→ **Task objective**: Scan the records below and copy every line that contains the string "IFCMATERIALLAYERSET".

→ **Data for this task**:
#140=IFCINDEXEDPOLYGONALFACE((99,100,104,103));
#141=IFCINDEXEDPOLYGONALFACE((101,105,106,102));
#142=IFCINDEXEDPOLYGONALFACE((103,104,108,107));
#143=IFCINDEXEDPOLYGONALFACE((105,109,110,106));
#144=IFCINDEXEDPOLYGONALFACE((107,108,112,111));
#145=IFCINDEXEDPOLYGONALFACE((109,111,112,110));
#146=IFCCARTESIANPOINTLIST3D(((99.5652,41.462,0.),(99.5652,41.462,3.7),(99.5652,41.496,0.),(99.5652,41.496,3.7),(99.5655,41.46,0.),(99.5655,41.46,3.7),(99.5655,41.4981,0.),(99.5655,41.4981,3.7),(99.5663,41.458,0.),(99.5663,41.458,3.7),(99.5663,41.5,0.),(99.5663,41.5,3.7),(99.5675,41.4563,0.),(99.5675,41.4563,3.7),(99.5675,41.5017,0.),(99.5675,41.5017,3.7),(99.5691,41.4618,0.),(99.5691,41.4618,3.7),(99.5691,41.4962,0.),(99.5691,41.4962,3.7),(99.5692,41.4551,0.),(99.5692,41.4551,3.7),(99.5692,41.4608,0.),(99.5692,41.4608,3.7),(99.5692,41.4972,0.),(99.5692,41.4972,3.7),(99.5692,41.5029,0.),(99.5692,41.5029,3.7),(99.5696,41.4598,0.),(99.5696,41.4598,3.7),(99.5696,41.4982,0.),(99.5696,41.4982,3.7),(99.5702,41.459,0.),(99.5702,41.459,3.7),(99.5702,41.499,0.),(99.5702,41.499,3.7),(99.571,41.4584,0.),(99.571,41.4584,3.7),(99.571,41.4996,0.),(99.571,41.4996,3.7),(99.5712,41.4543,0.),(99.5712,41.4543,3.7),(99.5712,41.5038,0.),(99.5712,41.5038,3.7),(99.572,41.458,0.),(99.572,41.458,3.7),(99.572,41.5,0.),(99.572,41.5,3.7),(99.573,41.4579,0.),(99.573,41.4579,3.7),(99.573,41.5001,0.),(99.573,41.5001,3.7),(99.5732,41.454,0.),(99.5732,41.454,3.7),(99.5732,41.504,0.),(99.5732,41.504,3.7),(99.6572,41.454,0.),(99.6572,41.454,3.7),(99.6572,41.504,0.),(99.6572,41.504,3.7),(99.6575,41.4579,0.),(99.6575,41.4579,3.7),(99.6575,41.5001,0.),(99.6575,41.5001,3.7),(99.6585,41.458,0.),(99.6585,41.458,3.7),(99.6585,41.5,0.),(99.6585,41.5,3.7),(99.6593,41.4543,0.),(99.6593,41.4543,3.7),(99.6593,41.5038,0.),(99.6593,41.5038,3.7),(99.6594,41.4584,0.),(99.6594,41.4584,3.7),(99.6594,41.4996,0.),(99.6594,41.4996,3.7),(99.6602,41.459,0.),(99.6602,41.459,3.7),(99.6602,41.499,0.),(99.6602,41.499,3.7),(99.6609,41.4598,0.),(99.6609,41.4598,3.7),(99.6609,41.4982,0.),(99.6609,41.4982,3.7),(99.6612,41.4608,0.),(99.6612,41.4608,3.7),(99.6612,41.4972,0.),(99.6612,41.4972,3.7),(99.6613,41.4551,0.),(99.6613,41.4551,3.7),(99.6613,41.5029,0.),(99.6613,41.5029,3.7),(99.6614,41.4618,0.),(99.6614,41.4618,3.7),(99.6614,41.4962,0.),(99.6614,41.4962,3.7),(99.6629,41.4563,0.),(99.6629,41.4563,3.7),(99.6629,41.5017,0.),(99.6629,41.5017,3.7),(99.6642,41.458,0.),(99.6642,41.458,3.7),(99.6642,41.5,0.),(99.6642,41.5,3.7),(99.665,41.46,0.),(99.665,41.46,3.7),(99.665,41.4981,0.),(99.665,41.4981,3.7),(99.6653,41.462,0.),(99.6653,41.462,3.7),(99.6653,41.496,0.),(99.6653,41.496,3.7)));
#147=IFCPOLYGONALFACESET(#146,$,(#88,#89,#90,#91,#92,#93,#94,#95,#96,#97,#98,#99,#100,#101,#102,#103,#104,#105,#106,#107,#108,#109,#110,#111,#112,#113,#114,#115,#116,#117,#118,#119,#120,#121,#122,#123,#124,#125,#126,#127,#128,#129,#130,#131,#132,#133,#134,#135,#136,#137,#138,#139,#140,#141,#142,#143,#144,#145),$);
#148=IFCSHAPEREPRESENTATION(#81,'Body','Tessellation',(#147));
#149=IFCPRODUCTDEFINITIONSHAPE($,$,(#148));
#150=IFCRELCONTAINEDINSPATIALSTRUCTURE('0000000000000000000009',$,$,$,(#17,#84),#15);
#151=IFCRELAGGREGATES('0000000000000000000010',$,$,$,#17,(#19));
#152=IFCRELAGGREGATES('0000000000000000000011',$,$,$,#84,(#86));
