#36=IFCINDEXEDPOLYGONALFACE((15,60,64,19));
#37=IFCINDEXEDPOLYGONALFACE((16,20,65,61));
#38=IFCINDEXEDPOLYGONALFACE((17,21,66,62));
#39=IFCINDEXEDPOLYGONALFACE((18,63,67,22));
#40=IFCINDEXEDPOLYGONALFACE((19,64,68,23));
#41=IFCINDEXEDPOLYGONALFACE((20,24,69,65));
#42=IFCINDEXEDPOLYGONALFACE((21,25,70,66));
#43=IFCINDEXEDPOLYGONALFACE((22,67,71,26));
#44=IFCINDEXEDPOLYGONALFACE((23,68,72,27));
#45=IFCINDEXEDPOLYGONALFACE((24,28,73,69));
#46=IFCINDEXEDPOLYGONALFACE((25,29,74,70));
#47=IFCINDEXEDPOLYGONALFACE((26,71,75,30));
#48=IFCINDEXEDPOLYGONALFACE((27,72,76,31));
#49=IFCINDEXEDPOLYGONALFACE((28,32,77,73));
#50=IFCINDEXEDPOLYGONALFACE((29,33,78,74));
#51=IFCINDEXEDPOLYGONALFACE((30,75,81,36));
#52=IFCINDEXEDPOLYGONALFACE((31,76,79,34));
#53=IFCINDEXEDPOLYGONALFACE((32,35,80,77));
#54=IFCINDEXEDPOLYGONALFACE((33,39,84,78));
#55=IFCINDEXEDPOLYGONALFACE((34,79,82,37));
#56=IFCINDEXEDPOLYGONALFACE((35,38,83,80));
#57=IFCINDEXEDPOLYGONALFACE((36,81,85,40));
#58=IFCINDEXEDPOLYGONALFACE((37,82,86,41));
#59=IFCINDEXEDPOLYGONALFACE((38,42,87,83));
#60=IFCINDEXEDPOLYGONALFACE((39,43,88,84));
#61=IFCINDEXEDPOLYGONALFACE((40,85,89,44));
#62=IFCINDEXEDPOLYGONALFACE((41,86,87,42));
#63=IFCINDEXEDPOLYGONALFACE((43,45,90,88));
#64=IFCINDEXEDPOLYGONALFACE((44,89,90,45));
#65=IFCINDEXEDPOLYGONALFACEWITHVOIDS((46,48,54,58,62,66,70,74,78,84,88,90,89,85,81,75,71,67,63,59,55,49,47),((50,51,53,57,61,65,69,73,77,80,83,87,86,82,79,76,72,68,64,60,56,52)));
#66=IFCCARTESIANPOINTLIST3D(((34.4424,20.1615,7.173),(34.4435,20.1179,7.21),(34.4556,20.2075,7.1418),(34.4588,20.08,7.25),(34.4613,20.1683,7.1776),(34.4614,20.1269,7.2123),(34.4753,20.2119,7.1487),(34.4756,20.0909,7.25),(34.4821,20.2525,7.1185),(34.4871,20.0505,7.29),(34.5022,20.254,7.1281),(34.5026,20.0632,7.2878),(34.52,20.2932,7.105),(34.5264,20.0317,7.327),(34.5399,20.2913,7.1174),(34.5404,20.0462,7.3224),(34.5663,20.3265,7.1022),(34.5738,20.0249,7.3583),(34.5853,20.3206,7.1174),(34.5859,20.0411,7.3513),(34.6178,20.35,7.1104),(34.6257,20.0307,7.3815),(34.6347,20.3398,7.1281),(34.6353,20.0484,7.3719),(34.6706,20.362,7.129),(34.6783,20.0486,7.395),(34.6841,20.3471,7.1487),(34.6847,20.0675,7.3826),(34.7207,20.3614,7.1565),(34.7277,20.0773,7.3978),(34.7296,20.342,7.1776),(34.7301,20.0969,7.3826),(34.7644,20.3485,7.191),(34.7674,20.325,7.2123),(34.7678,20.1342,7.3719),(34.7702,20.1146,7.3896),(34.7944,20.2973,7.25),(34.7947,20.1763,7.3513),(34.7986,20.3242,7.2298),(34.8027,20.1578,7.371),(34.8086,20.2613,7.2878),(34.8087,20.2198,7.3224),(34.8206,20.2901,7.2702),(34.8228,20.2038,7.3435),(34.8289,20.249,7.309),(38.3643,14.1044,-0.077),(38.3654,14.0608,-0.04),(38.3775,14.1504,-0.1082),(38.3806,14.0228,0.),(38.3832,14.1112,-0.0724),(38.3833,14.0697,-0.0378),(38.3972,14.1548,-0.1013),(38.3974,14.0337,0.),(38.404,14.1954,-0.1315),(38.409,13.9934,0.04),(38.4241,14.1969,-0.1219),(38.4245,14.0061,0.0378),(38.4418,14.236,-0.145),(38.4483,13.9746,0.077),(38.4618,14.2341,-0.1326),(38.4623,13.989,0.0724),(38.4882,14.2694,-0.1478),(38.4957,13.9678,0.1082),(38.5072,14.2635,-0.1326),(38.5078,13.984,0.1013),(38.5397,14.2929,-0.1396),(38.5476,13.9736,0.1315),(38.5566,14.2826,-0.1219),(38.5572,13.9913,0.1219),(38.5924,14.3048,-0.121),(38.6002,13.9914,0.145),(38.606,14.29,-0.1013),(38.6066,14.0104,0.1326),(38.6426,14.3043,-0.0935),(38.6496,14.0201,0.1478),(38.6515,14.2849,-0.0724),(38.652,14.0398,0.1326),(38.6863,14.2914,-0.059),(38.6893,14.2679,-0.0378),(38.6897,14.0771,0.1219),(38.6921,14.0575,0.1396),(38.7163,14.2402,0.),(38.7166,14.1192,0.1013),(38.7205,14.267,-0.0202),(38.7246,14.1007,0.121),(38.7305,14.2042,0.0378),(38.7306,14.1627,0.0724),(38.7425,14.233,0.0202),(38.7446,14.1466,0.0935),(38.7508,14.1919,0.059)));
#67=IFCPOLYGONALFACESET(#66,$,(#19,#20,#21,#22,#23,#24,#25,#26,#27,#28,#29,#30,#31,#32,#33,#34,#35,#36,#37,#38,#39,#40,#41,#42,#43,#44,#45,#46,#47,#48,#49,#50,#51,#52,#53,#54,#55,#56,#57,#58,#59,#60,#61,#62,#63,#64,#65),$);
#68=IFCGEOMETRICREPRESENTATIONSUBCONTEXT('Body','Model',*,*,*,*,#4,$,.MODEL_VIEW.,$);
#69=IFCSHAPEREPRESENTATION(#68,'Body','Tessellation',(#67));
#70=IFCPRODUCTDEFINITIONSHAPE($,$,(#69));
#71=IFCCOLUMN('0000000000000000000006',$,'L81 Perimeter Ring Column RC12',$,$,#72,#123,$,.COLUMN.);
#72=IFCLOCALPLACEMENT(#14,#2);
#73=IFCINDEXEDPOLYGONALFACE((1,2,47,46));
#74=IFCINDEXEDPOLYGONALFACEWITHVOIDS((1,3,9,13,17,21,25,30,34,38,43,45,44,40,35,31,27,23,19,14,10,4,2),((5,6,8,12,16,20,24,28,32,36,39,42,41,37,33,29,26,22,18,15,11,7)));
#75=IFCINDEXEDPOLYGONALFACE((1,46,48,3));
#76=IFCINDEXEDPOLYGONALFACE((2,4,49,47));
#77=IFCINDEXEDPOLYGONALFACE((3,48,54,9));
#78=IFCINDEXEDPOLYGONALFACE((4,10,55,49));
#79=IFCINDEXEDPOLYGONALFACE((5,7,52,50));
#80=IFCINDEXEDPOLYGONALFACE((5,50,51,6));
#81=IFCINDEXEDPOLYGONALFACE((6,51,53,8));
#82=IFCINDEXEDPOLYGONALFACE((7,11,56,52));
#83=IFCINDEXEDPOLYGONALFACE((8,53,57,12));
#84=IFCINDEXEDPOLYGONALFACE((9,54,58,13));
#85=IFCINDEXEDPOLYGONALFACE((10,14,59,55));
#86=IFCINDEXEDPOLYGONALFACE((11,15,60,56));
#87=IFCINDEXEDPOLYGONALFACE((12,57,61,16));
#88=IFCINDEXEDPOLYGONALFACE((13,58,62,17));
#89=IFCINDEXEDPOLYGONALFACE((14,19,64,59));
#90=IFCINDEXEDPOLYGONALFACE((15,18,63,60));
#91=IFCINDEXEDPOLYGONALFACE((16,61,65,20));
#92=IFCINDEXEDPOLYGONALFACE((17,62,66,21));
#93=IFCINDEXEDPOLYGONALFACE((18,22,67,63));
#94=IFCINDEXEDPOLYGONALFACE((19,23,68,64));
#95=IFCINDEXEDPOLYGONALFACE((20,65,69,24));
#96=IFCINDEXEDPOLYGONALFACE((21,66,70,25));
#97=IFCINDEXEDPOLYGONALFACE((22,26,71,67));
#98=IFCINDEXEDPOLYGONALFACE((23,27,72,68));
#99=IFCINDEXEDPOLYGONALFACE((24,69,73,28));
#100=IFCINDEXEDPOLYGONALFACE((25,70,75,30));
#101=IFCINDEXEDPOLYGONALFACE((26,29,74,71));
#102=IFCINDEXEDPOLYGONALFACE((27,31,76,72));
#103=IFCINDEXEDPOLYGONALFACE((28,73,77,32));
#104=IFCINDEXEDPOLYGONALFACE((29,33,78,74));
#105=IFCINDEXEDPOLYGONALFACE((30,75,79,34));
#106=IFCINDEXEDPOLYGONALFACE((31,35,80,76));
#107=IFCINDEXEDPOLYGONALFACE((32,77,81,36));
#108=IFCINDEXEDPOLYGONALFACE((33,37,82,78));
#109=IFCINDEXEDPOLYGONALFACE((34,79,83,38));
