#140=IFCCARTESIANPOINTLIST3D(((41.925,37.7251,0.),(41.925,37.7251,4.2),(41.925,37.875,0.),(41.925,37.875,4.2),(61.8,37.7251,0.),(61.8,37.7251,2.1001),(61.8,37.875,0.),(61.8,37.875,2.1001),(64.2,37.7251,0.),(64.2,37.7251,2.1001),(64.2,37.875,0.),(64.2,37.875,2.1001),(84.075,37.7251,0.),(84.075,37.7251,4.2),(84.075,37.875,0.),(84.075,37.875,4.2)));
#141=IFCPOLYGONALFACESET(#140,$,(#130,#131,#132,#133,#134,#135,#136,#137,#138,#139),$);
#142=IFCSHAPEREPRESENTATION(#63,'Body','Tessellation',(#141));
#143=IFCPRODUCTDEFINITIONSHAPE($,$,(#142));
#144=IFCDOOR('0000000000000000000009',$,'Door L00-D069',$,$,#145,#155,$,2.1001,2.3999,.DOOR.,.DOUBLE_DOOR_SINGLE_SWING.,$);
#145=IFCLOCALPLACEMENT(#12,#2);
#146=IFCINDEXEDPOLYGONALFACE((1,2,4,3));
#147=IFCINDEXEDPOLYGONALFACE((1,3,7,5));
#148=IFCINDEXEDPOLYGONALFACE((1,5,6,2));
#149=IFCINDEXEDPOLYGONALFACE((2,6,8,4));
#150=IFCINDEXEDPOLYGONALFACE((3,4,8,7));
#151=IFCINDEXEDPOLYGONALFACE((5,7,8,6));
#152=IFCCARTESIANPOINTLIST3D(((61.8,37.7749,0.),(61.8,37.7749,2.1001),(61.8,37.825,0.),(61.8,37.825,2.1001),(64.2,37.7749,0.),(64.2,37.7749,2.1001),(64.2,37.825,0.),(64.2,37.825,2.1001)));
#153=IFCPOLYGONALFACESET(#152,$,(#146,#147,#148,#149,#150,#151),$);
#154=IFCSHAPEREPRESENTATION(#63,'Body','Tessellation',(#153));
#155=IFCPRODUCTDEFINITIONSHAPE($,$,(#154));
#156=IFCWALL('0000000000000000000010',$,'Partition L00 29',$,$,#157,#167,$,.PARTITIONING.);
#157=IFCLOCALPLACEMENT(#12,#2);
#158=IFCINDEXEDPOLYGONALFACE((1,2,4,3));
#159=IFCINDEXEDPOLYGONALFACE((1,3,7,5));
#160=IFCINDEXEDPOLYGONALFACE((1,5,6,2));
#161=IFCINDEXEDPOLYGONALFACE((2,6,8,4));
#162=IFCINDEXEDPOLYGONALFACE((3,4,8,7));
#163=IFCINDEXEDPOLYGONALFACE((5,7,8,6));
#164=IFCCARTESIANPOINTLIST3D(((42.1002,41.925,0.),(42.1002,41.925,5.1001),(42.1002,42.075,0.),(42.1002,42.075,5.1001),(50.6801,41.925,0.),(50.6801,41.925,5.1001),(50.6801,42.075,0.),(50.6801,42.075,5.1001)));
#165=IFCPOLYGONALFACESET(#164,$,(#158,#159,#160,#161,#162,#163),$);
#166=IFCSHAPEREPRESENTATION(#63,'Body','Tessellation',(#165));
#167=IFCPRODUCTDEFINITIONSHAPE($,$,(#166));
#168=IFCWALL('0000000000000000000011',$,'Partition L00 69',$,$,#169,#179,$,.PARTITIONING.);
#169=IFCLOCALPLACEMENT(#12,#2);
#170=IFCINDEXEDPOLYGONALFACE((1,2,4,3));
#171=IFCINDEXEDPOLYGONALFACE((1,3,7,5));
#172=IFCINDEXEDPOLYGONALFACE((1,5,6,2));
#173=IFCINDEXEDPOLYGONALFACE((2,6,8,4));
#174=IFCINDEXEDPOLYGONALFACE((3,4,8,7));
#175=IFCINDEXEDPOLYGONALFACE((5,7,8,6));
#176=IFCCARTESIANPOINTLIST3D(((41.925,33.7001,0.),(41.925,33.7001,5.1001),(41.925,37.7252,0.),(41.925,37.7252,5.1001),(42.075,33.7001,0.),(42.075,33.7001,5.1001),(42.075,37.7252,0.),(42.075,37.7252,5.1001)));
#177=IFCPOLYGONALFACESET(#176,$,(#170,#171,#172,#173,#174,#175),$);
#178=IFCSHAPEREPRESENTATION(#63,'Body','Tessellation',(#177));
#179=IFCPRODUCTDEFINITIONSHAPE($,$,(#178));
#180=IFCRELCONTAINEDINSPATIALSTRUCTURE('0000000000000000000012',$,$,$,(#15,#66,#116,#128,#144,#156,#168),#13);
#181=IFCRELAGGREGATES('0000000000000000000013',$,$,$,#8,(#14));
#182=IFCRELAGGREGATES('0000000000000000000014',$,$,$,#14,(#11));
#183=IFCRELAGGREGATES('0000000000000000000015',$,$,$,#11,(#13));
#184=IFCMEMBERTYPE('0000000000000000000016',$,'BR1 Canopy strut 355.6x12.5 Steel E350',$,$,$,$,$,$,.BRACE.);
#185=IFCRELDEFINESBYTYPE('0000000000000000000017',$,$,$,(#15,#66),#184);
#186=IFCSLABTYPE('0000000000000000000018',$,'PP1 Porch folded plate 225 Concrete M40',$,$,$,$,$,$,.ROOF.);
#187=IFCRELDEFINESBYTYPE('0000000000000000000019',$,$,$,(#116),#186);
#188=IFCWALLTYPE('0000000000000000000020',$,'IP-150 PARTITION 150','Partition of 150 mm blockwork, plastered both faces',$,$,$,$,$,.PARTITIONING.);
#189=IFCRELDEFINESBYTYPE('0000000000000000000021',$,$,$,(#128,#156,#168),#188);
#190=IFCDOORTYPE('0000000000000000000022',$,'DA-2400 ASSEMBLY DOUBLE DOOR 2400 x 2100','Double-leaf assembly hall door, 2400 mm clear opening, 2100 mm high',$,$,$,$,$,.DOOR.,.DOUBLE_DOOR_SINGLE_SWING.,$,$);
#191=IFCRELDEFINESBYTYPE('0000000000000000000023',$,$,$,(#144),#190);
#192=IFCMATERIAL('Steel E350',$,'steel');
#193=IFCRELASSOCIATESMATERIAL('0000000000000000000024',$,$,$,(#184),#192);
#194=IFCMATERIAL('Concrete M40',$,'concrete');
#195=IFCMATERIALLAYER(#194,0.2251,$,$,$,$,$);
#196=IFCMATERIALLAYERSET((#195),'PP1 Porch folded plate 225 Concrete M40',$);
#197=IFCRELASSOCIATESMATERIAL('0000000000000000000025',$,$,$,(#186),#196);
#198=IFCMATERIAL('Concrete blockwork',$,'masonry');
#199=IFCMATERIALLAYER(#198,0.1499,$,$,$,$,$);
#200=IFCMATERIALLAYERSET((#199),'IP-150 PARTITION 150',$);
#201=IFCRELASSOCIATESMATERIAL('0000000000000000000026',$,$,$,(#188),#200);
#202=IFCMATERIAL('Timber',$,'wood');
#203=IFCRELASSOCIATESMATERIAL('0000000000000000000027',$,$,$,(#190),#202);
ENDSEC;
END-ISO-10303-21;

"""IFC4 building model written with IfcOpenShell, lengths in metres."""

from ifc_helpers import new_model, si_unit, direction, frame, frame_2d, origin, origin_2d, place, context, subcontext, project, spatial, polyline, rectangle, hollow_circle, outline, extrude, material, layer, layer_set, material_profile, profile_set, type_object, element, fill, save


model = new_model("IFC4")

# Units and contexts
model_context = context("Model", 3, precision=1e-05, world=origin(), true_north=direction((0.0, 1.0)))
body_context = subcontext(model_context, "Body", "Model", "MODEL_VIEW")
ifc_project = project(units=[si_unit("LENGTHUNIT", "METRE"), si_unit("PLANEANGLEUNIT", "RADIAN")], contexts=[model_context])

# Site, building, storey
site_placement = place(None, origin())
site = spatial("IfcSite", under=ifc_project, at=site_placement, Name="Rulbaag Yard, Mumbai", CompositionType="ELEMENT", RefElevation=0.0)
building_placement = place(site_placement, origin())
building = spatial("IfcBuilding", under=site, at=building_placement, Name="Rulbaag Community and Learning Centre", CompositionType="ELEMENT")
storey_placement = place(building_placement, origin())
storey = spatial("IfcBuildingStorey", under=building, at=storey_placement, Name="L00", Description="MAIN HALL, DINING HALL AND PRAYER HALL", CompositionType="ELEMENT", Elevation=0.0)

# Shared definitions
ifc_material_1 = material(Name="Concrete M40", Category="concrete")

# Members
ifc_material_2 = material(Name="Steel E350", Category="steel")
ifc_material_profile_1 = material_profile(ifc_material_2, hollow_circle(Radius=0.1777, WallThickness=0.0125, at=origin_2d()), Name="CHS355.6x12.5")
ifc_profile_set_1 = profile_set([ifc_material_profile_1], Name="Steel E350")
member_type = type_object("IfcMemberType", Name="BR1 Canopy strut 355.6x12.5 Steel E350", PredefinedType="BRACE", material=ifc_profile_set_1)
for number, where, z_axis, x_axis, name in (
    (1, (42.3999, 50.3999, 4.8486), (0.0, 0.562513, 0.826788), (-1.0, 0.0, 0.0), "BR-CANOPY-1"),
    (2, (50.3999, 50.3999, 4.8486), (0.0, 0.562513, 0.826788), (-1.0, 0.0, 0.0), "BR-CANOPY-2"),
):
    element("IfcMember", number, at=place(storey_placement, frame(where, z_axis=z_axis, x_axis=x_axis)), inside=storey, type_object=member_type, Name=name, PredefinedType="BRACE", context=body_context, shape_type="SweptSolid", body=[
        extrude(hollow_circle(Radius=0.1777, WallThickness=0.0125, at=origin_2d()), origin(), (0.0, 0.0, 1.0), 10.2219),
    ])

→ **Output**:
#196=IFCMATERIALLAYERSET((#195),'PP1 Porch folded plate 225 Concrete M40',$);
#200=IFCMATERIALLAYERSET((#199),'IP-150 PARTITION 150',$);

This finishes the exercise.